* [Work order] The answer must be every line from the entries below that includes "IFCRELDEFINESBYTYPE".
*** Opening of Task material ***
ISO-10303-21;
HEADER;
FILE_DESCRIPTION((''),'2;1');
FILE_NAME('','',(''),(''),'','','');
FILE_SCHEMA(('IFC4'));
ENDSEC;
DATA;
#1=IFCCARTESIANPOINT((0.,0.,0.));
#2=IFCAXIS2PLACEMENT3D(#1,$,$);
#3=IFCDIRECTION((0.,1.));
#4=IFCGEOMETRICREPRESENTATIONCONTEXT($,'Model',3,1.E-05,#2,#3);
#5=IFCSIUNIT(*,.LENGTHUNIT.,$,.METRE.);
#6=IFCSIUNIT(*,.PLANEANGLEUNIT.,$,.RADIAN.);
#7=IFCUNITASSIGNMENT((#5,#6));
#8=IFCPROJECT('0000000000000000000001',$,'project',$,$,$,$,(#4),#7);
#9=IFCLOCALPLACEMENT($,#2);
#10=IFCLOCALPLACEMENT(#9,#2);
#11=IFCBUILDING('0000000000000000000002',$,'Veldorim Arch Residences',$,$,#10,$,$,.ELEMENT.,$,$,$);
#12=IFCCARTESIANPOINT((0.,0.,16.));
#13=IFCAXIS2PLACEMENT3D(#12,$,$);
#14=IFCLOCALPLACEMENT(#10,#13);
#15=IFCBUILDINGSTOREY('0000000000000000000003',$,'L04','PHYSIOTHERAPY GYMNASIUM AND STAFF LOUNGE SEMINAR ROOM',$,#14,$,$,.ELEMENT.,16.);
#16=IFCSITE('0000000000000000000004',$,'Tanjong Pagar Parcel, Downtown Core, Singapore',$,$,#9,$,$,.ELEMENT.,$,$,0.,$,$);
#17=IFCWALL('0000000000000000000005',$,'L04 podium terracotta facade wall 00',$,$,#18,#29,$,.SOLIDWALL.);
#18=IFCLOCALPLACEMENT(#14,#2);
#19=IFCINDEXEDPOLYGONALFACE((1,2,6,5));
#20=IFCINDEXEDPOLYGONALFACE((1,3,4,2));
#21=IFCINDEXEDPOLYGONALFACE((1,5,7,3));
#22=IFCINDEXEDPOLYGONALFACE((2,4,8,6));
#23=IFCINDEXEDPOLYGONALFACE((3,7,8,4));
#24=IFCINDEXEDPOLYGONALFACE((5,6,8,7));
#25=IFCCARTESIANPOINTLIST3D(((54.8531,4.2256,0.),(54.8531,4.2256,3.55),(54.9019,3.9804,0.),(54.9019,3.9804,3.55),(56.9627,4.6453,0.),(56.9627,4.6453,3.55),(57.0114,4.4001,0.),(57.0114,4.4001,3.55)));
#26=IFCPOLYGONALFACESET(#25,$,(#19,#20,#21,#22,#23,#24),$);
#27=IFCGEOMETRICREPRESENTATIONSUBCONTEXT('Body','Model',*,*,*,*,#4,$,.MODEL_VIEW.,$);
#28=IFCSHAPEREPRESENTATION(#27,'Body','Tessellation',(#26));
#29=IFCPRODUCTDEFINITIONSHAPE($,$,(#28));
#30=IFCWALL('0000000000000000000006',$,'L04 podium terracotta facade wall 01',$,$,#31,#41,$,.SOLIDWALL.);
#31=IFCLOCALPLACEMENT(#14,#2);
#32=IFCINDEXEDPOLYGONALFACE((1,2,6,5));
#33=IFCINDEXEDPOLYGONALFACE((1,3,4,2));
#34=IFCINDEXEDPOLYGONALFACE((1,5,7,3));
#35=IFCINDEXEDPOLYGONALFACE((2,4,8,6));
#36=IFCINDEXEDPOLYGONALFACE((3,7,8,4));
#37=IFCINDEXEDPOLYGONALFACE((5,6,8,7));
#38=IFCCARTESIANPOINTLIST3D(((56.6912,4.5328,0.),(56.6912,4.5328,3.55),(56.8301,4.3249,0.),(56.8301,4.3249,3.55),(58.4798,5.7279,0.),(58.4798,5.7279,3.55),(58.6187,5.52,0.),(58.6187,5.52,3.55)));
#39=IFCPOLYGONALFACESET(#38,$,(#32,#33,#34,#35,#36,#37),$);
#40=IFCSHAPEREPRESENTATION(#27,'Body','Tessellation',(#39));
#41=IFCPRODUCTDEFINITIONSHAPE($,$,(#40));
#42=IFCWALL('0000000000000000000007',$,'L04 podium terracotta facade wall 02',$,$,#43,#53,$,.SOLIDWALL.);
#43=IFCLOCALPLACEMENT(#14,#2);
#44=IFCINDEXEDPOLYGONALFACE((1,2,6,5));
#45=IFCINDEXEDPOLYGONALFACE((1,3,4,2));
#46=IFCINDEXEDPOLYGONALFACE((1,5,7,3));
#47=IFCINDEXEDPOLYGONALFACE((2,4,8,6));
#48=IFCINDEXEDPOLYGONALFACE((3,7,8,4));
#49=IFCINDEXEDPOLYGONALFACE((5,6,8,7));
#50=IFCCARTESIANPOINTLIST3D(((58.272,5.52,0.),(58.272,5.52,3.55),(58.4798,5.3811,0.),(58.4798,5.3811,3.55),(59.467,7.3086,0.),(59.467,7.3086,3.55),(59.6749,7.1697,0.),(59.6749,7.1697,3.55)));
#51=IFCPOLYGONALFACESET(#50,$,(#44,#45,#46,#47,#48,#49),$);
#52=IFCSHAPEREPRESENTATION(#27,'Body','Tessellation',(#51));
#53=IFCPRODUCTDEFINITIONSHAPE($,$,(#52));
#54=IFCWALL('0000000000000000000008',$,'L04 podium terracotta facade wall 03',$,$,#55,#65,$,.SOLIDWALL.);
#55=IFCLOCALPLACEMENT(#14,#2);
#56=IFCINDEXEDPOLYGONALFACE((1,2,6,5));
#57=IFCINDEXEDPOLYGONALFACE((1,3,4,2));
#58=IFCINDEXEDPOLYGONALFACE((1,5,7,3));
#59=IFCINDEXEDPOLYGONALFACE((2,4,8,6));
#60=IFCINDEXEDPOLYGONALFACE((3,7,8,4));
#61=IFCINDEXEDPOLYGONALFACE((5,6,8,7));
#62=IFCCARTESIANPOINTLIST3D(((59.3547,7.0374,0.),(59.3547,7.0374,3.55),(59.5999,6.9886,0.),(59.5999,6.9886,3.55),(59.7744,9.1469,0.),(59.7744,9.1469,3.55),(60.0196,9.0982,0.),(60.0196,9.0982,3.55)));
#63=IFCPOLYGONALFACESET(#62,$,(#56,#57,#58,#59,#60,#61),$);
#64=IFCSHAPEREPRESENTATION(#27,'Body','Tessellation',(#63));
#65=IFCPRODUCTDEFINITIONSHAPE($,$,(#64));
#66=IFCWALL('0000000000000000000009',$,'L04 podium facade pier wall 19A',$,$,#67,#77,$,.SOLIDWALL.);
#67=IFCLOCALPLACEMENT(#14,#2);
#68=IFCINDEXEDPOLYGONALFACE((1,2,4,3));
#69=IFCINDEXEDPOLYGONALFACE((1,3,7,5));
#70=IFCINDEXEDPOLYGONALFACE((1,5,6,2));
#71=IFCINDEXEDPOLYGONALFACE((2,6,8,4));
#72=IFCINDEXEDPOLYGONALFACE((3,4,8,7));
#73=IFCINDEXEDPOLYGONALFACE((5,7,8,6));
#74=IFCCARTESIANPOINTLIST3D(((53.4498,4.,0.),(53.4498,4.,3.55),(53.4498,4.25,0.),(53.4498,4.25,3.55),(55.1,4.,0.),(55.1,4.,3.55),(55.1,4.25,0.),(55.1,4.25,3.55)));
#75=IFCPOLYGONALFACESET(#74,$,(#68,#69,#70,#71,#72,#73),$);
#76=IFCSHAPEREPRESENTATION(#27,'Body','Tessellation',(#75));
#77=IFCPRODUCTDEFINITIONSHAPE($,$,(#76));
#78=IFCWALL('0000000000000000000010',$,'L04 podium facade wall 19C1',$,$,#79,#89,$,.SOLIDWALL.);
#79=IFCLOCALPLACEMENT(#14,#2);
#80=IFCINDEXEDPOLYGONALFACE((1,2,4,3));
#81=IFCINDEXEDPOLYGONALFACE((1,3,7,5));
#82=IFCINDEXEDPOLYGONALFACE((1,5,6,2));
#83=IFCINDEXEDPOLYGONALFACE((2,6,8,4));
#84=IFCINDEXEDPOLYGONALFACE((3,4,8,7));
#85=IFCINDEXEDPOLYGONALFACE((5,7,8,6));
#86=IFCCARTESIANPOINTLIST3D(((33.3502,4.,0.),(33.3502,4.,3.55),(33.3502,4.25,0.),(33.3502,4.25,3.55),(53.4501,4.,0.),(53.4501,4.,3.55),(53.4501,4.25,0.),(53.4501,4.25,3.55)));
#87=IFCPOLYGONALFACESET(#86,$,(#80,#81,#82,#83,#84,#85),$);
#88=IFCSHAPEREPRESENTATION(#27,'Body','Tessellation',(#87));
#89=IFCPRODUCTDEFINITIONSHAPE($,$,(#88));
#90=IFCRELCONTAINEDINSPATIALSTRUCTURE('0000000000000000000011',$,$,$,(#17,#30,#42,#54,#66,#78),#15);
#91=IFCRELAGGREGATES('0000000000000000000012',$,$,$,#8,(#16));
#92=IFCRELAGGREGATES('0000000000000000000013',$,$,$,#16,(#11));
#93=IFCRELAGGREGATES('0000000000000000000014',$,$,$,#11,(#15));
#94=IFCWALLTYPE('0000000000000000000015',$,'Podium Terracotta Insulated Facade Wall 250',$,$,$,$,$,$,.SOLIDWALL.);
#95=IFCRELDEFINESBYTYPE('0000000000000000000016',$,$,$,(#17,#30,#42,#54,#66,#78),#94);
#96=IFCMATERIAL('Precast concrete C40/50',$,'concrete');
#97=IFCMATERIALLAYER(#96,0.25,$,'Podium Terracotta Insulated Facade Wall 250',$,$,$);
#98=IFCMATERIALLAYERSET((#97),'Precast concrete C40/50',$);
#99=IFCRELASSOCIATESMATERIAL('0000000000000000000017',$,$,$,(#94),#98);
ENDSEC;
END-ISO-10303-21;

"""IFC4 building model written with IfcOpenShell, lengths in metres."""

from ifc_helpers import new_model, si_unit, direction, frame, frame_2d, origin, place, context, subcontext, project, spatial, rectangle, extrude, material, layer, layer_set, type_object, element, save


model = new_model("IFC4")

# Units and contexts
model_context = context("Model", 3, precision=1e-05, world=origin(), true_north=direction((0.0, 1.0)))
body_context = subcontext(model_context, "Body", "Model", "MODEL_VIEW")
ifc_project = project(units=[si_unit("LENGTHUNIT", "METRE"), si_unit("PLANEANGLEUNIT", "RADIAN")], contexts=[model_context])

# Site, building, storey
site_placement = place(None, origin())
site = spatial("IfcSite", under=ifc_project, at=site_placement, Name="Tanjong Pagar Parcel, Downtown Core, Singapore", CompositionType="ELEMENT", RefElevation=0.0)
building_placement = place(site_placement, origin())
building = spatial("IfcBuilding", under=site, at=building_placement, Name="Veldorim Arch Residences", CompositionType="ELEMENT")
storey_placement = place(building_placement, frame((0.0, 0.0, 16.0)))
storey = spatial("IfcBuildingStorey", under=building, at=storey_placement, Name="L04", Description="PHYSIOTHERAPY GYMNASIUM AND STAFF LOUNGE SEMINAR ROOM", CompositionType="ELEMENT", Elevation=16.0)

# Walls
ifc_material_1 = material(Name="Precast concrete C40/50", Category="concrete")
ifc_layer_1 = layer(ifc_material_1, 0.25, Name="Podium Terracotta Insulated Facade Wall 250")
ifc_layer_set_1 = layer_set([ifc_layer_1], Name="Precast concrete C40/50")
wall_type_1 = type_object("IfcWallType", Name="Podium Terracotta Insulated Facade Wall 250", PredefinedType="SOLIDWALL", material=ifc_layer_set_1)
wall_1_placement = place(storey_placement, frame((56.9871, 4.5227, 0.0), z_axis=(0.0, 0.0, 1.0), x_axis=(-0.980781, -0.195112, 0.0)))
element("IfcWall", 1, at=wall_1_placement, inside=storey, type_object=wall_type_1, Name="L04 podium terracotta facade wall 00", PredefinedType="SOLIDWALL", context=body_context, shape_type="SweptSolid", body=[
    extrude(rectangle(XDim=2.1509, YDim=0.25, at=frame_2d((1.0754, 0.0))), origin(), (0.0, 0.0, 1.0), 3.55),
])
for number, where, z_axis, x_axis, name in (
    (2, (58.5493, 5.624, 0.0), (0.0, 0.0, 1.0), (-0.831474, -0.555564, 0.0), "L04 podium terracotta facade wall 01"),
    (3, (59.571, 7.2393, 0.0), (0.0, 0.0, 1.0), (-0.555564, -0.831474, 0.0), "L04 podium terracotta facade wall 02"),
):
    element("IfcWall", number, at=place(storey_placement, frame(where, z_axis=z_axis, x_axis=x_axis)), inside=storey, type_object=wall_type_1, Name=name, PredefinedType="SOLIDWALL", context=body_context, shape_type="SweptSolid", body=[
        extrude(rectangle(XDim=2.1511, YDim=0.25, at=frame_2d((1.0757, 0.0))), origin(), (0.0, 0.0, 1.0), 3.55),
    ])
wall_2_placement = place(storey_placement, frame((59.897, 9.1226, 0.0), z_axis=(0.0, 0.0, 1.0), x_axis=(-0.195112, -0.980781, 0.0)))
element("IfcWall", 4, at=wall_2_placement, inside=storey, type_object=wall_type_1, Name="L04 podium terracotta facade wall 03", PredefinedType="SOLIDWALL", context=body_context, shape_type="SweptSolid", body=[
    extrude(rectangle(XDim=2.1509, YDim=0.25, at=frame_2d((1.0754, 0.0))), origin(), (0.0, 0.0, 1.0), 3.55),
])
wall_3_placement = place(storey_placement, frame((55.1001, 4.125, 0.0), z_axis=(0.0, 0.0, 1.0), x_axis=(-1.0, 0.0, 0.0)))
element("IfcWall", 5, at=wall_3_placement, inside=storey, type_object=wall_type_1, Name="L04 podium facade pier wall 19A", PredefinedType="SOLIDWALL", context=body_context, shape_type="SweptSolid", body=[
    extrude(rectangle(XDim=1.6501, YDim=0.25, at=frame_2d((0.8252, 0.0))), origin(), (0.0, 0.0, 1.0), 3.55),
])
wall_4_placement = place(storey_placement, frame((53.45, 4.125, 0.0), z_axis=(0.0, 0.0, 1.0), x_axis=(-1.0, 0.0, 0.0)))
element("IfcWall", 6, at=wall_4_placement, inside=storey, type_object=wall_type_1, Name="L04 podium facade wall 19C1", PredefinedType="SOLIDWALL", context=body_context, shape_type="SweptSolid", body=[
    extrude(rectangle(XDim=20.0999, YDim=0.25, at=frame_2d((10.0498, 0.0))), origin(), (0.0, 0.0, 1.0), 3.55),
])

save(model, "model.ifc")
*** Close of Task material ***
*** Opening of Task material ***
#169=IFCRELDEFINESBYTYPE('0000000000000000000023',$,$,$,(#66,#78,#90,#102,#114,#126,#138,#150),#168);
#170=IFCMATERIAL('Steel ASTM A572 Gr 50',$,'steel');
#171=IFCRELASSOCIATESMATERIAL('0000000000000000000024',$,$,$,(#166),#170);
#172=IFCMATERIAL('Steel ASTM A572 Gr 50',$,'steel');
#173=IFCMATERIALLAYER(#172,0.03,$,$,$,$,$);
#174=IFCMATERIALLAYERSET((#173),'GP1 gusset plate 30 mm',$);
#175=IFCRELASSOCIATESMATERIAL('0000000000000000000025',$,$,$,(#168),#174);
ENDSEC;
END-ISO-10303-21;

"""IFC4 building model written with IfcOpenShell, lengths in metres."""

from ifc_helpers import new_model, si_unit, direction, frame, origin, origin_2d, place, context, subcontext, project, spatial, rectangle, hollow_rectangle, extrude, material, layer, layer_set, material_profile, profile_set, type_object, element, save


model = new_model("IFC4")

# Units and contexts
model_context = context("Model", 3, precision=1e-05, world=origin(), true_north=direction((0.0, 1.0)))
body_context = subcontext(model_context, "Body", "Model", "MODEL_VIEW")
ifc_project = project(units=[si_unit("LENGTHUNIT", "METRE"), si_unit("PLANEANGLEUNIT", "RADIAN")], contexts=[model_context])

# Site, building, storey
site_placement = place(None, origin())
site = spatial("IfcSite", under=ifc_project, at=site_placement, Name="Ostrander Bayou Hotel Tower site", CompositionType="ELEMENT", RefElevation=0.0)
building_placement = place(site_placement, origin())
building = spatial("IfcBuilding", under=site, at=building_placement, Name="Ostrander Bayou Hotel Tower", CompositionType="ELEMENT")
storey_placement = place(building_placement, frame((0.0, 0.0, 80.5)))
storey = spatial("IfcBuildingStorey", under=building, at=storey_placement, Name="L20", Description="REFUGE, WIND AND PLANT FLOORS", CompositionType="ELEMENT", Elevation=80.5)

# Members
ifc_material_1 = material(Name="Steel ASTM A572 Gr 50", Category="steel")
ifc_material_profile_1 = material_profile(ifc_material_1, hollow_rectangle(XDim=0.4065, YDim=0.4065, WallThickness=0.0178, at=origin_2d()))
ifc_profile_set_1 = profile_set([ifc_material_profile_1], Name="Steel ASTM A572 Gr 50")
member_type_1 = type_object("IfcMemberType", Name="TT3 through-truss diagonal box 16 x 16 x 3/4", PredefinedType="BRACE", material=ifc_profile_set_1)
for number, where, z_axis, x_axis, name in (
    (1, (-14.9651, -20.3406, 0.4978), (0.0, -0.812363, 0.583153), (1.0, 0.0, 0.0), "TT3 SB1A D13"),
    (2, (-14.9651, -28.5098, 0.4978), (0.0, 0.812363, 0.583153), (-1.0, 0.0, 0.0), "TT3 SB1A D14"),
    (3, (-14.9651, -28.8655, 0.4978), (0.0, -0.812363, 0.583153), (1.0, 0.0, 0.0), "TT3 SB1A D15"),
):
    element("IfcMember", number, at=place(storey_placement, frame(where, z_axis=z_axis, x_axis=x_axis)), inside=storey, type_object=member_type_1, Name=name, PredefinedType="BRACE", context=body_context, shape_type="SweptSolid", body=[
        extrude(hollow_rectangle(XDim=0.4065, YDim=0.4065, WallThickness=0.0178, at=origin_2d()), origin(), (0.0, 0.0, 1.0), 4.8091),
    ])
*** Close of Task material ***
*** Opening of Task material ***
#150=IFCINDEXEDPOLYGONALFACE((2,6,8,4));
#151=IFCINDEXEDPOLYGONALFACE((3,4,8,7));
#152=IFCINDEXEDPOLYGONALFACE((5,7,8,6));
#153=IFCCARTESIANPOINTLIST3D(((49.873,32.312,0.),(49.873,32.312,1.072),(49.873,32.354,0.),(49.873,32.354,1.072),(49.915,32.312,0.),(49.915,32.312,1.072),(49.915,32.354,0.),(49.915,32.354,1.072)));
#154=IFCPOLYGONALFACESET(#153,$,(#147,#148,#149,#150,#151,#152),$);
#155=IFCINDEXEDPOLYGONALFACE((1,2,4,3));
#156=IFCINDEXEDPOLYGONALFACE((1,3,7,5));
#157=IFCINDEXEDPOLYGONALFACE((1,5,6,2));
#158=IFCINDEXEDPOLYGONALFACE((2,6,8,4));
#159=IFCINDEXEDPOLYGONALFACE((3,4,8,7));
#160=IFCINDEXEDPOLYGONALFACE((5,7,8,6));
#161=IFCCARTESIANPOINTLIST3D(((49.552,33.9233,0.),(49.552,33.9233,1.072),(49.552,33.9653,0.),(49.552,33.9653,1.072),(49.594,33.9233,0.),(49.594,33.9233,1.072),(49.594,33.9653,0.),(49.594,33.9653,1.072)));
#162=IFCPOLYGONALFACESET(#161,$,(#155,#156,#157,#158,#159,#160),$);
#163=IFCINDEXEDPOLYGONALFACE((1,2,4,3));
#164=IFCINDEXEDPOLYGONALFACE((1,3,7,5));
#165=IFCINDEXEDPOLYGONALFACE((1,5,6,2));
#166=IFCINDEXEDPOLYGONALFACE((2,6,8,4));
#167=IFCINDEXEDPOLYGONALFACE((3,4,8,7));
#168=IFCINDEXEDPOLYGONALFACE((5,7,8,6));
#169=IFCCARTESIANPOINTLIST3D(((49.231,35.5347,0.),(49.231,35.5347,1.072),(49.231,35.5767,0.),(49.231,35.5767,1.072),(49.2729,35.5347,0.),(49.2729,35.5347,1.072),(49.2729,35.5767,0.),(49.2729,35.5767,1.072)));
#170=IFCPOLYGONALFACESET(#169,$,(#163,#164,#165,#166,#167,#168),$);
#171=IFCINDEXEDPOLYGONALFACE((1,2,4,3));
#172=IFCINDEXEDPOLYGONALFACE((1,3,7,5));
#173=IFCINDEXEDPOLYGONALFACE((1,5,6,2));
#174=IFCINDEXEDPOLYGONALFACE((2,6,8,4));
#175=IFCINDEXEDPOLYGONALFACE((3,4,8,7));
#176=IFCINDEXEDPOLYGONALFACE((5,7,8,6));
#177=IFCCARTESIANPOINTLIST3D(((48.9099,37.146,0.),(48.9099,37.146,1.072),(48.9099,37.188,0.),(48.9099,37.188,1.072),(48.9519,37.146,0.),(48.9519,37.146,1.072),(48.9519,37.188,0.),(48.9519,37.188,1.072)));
*** Close of Task material ***
* [Written answer]
#95=IFCRELDEFINESBYTYPE('0000000000000000000016',$,$,$,(#17,#30,#42,#54,#66,#78),#94);
#169=IFCRELDEFINESBYTYPE('0000000000000000000023',$,$,$,(#66,#78,#90,#102,#114,#126,#138,#150),#168);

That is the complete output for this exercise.